*** Input records ***

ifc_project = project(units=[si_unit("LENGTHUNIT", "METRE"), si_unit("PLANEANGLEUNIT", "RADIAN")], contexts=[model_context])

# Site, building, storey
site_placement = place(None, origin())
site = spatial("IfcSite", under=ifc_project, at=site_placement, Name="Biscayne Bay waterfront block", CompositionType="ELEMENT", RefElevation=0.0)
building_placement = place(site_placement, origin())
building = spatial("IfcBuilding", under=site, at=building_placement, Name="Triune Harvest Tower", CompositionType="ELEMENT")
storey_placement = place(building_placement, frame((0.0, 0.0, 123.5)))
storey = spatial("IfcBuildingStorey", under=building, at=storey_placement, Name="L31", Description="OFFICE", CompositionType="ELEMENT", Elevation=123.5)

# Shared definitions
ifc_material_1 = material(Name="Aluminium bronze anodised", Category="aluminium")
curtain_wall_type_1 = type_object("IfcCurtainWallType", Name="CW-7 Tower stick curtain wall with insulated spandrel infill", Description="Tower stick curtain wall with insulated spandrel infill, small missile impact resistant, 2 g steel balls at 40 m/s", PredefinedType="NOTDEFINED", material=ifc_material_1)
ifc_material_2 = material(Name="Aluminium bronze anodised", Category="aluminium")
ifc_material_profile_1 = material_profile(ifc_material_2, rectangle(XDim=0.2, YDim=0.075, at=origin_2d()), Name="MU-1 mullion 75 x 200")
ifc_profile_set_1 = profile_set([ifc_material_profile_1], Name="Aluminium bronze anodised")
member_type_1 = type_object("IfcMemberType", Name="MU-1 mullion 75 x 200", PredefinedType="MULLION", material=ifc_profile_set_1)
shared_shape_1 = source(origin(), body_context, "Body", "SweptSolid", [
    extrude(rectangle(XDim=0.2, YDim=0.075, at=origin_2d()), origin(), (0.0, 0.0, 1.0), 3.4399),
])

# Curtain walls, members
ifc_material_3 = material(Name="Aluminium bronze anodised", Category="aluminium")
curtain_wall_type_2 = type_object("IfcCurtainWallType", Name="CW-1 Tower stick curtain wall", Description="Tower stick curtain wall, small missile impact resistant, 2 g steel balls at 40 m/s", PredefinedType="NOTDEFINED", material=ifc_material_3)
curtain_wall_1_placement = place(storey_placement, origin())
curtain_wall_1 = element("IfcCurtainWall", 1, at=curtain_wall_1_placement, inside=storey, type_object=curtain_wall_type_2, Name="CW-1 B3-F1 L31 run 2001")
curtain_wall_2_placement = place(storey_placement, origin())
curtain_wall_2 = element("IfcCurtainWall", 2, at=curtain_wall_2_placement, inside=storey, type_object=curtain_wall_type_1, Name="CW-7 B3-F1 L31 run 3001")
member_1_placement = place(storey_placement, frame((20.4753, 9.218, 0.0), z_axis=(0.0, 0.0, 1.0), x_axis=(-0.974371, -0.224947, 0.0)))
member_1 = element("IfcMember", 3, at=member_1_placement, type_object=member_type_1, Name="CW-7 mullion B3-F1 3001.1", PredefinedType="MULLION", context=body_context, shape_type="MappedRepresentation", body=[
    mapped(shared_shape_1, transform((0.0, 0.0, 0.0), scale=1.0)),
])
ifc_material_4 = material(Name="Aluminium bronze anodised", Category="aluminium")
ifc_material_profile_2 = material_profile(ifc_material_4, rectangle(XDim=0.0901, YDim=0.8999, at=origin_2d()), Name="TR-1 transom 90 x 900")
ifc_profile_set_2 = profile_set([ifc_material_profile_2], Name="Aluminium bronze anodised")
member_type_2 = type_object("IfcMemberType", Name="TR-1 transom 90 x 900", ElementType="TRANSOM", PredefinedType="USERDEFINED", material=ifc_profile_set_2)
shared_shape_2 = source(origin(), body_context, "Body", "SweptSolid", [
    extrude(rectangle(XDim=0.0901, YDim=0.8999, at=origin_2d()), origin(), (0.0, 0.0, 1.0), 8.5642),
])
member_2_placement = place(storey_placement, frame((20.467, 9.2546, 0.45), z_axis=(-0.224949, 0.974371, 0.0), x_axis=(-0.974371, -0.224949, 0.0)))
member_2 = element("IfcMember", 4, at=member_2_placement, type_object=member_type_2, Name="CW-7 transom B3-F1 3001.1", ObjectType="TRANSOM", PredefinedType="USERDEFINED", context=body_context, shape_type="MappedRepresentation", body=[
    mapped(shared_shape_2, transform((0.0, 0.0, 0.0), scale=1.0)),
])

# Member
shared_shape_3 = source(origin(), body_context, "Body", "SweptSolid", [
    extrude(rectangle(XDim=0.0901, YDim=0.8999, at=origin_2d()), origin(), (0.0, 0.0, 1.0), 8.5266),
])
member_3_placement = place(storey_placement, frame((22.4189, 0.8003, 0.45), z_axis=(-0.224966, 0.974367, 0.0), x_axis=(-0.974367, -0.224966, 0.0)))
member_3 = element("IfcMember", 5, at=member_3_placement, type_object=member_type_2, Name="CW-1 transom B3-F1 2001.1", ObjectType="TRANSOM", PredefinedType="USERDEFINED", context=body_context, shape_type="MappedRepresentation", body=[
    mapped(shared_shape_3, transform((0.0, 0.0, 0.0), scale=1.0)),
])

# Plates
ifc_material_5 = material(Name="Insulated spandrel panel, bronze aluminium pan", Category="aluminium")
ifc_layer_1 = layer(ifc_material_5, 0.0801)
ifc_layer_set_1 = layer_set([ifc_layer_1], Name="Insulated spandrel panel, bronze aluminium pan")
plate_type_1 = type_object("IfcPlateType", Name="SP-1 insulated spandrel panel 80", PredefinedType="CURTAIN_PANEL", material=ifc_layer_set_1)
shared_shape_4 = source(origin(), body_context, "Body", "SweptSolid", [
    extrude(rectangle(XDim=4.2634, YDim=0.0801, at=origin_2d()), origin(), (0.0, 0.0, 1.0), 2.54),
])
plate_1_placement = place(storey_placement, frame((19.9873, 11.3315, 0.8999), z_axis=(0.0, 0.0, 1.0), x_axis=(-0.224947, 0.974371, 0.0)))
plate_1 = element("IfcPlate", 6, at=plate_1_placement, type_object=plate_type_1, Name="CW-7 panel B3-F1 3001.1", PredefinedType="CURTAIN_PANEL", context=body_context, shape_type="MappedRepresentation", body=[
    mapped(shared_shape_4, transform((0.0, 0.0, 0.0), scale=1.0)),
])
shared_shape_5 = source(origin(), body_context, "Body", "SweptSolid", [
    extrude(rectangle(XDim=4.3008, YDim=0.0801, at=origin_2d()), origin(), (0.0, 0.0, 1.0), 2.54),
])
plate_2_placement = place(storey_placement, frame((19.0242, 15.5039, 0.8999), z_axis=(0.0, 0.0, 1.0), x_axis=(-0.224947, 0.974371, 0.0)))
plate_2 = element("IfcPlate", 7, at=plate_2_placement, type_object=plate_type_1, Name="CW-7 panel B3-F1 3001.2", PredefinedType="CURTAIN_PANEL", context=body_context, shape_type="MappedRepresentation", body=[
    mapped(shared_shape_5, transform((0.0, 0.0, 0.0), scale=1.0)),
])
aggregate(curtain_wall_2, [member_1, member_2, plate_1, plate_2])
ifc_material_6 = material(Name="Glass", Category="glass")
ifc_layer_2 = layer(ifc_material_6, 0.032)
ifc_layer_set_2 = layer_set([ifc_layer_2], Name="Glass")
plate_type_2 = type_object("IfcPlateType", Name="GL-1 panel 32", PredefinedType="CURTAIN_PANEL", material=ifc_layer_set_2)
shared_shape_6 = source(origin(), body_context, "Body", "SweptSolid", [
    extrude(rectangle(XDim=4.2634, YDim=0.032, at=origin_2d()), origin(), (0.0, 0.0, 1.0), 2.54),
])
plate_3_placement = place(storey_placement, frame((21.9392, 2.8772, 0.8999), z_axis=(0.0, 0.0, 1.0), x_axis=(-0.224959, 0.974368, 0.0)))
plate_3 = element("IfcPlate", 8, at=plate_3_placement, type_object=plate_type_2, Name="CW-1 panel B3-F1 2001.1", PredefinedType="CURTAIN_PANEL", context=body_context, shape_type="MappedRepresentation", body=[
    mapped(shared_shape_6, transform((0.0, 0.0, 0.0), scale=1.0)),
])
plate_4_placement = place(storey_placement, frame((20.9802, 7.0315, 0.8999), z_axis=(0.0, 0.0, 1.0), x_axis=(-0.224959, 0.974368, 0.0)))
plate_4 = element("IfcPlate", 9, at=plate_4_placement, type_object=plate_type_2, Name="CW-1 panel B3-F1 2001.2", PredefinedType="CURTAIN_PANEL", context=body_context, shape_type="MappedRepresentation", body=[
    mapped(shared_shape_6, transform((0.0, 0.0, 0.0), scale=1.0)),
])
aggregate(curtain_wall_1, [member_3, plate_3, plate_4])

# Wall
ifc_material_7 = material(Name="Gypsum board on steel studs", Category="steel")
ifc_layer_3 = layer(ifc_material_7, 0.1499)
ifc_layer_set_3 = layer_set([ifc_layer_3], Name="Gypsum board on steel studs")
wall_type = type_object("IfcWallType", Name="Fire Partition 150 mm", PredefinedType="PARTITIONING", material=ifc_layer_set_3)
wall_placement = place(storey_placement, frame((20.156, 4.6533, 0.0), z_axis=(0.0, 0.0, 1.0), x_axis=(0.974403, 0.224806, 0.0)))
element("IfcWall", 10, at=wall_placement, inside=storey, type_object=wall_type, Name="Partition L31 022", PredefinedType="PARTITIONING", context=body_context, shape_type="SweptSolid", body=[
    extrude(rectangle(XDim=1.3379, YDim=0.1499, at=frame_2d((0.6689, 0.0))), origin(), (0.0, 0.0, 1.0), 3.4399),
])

*** End of Input records ***

Activity:
Using the entries above, quote each line verbatim from the first through the line that contains "# Shared definitions".

Answer to the problem:
ifc_project = project(units=[si_unit("LENGTHUNIT", "METRE"), si_unit("PLANEANGLEUNIT", "RADIAN")], contexts=[model_context])

# Site, building, storey
site_placement = place(None, origin())
site = spatial("IfcSite", under=ifc_project, at=site_placement, Name="Biscayne Bay waterfront block", CompositionType="ELEMENT", RefElevation=0.0)
building_placement = place(site_placement, origin())
building = spatial("IfcBuilding", under=site, at=building_placement, Name="Triune Harvest Tower", CompositionType="ELEMENT")
storey_placement = place(building_placement, frame((0.0, 0.0, 123.5)))
storey = spatial("IfcBuildingStorey", under=building, at=storey_placement, Name="L31", Description="OFFICE", CompositionType="ELEMENT", Elevation=123.5)

# Shared definitions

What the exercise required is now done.